* **Problem requirements**:
Below this line is the material. Write out only its lines from the one containing "china washhand basin',$,$,$,$,$,.WASHHANDBASIN.);" through the one containing "END-ISO-10303-21;", both kept, exactly.

□ □ □ □ □

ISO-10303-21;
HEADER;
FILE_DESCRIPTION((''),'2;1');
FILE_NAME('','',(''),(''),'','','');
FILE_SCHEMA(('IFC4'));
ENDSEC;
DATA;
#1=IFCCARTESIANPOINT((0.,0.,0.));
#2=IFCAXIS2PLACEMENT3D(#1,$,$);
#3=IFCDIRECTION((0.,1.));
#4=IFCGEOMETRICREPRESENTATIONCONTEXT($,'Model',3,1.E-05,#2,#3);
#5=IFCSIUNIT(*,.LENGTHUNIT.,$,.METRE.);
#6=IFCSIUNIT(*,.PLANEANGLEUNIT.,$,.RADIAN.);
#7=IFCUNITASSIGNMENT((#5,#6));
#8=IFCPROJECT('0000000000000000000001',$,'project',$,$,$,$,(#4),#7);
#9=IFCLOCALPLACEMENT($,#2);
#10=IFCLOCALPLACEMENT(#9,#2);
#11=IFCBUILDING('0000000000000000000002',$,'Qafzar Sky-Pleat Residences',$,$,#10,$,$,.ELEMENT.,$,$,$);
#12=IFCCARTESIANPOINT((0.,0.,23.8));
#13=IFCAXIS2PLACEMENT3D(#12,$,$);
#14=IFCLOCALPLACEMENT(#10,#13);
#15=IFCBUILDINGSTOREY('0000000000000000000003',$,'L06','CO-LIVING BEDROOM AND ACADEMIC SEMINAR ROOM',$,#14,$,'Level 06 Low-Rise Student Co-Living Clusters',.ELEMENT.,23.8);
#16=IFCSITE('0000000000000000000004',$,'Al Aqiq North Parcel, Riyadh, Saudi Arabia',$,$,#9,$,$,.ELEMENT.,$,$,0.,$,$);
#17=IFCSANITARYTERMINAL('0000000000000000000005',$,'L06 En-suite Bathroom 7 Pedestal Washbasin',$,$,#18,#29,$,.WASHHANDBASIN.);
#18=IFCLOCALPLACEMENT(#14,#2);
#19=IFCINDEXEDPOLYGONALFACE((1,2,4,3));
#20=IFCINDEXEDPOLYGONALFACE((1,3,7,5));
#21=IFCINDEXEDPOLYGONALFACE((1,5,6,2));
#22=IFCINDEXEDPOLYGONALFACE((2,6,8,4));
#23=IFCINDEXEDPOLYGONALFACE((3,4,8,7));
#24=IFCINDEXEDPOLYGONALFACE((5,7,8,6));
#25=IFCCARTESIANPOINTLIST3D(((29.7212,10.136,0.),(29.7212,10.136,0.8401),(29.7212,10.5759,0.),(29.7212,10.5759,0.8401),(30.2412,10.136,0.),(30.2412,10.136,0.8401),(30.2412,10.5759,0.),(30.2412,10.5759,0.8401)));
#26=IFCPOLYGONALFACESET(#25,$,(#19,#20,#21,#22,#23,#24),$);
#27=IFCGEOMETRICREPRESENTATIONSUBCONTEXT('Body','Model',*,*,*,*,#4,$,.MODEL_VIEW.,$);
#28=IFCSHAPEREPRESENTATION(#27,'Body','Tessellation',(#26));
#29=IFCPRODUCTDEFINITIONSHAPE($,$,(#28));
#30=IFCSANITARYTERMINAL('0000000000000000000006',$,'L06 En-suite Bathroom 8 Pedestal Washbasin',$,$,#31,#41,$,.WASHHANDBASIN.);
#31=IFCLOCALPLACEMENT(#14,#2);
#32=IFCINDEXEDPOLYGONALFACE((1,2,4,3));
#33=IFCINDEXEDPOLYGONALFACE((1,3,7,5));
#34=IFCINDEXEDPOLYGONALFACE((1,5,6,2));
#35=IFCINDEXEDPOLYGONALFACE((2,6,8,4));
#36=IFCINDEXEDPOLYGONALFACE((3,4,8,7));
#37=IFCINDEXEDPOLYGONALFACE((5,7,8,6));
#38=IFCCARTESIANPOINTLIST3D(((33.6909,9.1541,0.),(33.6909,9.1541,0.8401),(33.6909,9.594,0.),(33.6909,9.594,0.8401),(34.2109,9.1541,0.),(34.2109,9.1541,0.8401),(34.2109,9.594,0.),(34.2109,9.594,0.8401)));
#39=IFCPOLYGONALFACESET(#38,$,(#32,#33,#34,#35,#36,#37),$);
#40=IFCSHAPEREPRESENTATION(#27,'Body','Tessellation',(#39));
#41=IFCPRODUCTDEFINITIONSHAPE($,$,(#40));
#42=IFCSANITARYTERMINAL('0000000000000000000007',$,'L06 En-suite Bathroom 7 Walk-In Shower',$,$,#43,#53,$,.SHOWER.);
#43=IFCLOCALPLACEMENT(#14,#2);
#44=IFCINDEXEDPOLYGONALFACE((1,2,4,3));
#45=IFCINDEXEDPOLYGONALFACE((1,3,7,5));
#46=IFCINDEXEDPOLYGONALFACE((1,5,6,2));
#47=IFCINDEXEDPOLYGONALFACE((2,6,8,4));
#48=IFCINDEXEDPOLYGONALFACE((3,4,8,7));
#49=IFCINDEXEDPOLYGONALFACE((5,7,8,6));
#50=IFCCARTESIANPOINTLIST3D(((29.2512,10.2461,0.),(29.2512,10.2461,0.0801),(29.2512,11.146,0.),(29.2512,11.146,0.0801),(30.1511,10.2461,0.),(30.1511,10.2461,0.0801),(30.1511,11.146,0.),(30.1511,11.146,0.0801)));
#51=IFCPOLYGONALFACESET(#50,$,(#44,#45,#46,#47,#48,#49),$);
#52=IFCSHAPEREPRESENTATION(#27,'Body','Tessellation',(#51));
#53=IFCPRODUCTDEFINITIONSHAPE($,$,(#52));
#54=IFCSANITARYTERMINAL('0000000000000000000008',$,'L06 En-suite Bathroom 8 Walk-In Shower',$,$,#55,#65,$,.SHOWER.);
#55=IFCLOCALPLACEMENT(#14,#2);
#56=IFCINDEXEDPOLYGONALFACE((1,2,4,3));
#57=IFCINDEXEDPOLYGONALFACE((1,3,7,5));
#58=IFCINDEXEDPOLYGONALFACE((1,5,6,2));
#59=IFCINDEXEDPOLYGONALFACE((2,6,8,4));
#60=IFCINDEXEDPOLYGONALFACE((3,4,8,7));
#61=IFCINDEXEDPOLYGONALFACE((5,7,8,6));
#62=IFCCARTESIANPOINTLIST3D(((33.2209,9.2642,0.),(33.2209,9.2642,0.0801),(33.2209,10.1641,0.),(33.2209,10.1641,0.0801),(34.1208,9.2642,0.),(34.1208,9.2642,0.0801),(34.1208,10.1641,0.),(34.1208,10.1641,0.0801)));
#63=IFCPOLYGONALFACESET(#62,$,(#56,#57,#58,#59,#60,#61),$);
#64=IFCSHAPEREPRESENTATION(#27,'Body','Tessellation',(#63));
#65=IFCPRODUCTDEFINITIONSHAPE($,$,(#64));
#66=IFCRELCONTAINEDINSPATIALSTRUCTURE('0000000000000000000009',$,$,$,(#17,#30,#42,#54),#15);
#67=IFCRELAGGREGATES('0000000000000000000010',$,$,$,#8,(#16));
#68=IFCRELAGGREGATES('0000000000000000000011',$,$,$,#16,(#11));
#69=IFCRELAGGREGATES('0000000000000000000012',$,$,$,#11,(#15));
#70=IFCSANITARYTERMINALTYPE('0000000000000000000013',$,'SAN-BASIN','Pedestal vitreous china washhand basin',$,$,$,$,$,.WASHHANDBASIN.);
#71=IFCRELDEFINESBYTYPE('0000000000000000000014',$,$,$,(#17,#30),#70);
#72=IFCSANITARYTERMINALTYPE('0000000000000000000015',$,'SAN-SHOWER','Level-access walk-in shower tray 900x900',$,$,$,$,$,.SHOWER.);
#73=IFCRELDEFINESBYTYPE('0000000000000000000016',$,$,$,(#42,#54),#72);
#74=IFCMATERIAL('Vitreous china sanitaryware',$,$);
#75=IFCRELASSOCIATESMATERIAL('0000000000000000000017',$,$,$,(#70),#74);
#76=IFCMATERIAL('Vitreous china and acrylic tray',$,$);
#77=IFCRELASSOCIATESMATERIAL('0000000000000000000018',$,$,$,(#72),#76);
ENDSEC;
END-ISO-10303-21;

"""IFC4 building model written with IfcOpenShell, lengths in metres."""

from ifc_helpers import new_model, si_unit, direction, frame, origin, origin_2d, place, context, subcontext, project, spatial, rectangle, extrude, source, transform, mapped, material, type_object, element, save


model = new_model("IFC4")

# Units and contexts
model_context = context("Model", 3, precision=1e-05, world=origin(), true_north=direction((0.0, 1.0)))
body_context = subcontext(model_context, "Body", "Model", "MODEL_VIEW")
ifc_project = project(units=[si_unit("LENGTHUNIT", "METRE"), si_unit("PLANEANGLEUNIT", "RADIAN")], contexts=[model_context])

# Site, building, storey
site_placement = place(None, origin())
site = spatial("IfcSite", under=ifc_project, at=site_placement, Name="Al Aqiq North Parcel, Riyadh, Saudi Arabia", CompositionType="ELEMENT", RefElevation=0.0)
building_placement = place(site_placement, origin())
building = spatial("IfcBuilding", under=site, at=building_placement, Name="Qafzar Sky-Pleat Residences", CompositionType="ELEMENT")
storey_placement = place(building_placement, frame((0.0, 0.0, 23.8)))
storey = spatial("IfcBuildingStorey", under=building, at=storey_placement, Name="L06", Description="CO-LIVING BEDROOM AND ACADEMIC SEMINAR ROOM", LongName="Level 06 Low-Rise Student Co-Living Clusters", CompositionType="ELEMENT", Elevation=23.8)

# Sanitary terminals
ifc_material_1 = material(Name="Vitreous china sanitaryware")
sanitary_terminal_type_1 = type_object("IfcSanitaryTerminalType", Name="SAN-BASIN", Description="Pedestal vitreous china washhand basin", PredefinedType="WASHHANDBASIN", material=ifc_material_1)
shared_shape_1 = source(origin(), body_context, "Body", "SweptSolid", [
    extrude(rectangle(XDim=0.52, YDim=0.4399, at=origin_2d()), origin(), (0.0, 0.0, 1.0), 0.8401),
])
for number, where, z_axis, x_axis, name in (
    (1, (29.9812, 10.356, 0.0), (0.0, 0.0, 1.0), (1.0, 0.0, 0.0), "L06 En-suite Bathroom 7 Pedestal Washbasin"),
    (2, (33.9509, 9.374, 0.0), (0.0, 0.0, 1.0), (1.0, 0.0, 0.0), "L06 En-suite Bathroom 8 Pedestal Washbasin"),
):
    element("IfcSanitaryTerminal", number, at=place(storey_placement, frame(where, z_axis=z_axis, x_axis=x_axis)), inside=storey, type_object=sanitary_terminal_type_1, Name=name, PredefinedType="WASHHANDBASIN", context=body_context, shape_type="MappedRepresentation", body=[
        mapped(shared_shape_1, transform((0.0, 0.0, 0.0), x_axis=(1.0, 0.0, 0.0), y_axis=(0.0, 1.0, 0.0), z_axis=(0.0, 0.0, 1.0), scale=1.0)),
    ])
ifc_material_2 = material(Name="Vitreous china and acrylic tray")
sanitary_terminal_type_2 = type_object("IfcSanitaryTerminalType", Name="SAN-SHOWER", Description="Level-access walk-in shower tray 900x900", PredefinedType="SHOWER", material=ifc_material_2)
shared_shape_2 = source(origin(), body_context, "Body", "SweptSolid", [
    extrude(rectangle(XDim=0.8999, YDim=0.8999, at=origin_2d()), origin(), (0.0, 0.0, 1.0), 0.0801),
])
for number, where, z_axis, x_axis, name in (
    (3, (29.7012, 10.696, 0.0), (0.0, 0.0, 1.0), (1.0, 0.0, 0.0), "L06 En-suite Bathroom 7 Walk-In Shower"),
    (4, (33.6709, 9.7141, 0.0), (0.0, 0.0, 1.0), (1.0, 0.0, 0.0), "L06 En-suite Bathroom 8 Walk-In Shower"),
):
    element("IfcSanitaryTerminal", number, at=place(storey_placement, frame(where, z_axis=z_axis, x_axis=x_axis)), inside=storey, type_object=sanitary_terminal_type_2, Name=name, PredefinedType="SHOWER", context=body_context, shape_type="MappedRepresentation", body=[
        mapped(shared_shape_2, transform((0.0, 0.0, 0.0), x_axis=(1.0, 0.0, 0.0), y_axis=(0.0, 1.0, 0.0), z_axis=(0.0, 0.0, 1.0), scale=1.0)),
    ])

save(model, "model.ifc")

□ □ □ □ □

* **Solution**:
#70=IFCSANITARYTERMINALTYPE('0000000000000000000013',$,'SAN-BASIN','Pedestal vitreous china washhand basin',$,$,$,$,$,.WASHHANDBASIN.);
#71=IFCRELDEFINESBYTYPE('0000000000000000000014',$,$,$,(#17,#30),#70);
#72=IFCSANITARYTERMINALTYPE('0000000000000000000015',$,'SAN-SHOWER','Level-access walk-in shower tray 900x900',$,$,$,$,$,.SHOWER.);
#73=IFCRELDEFINESBYTYPE('0000000000000000000016',$,$,$,(#42,#54),#72);
#74=IFCMATERIAL('Vitreous china sanitaryware',$,$);
#75=IFCRELASSOCIATESMATERIAL('0000000000000000000017',$,$,$,(#70),#74);
#76=IFCMATERIAL('Vitreous china and acrylic tray',$,$);
#77=IFCRELASSOCIATESMATERIAL('0000000000000000000018',$,$,$,(#72),#76);
ENDSEC;
END-ISO-10303-21;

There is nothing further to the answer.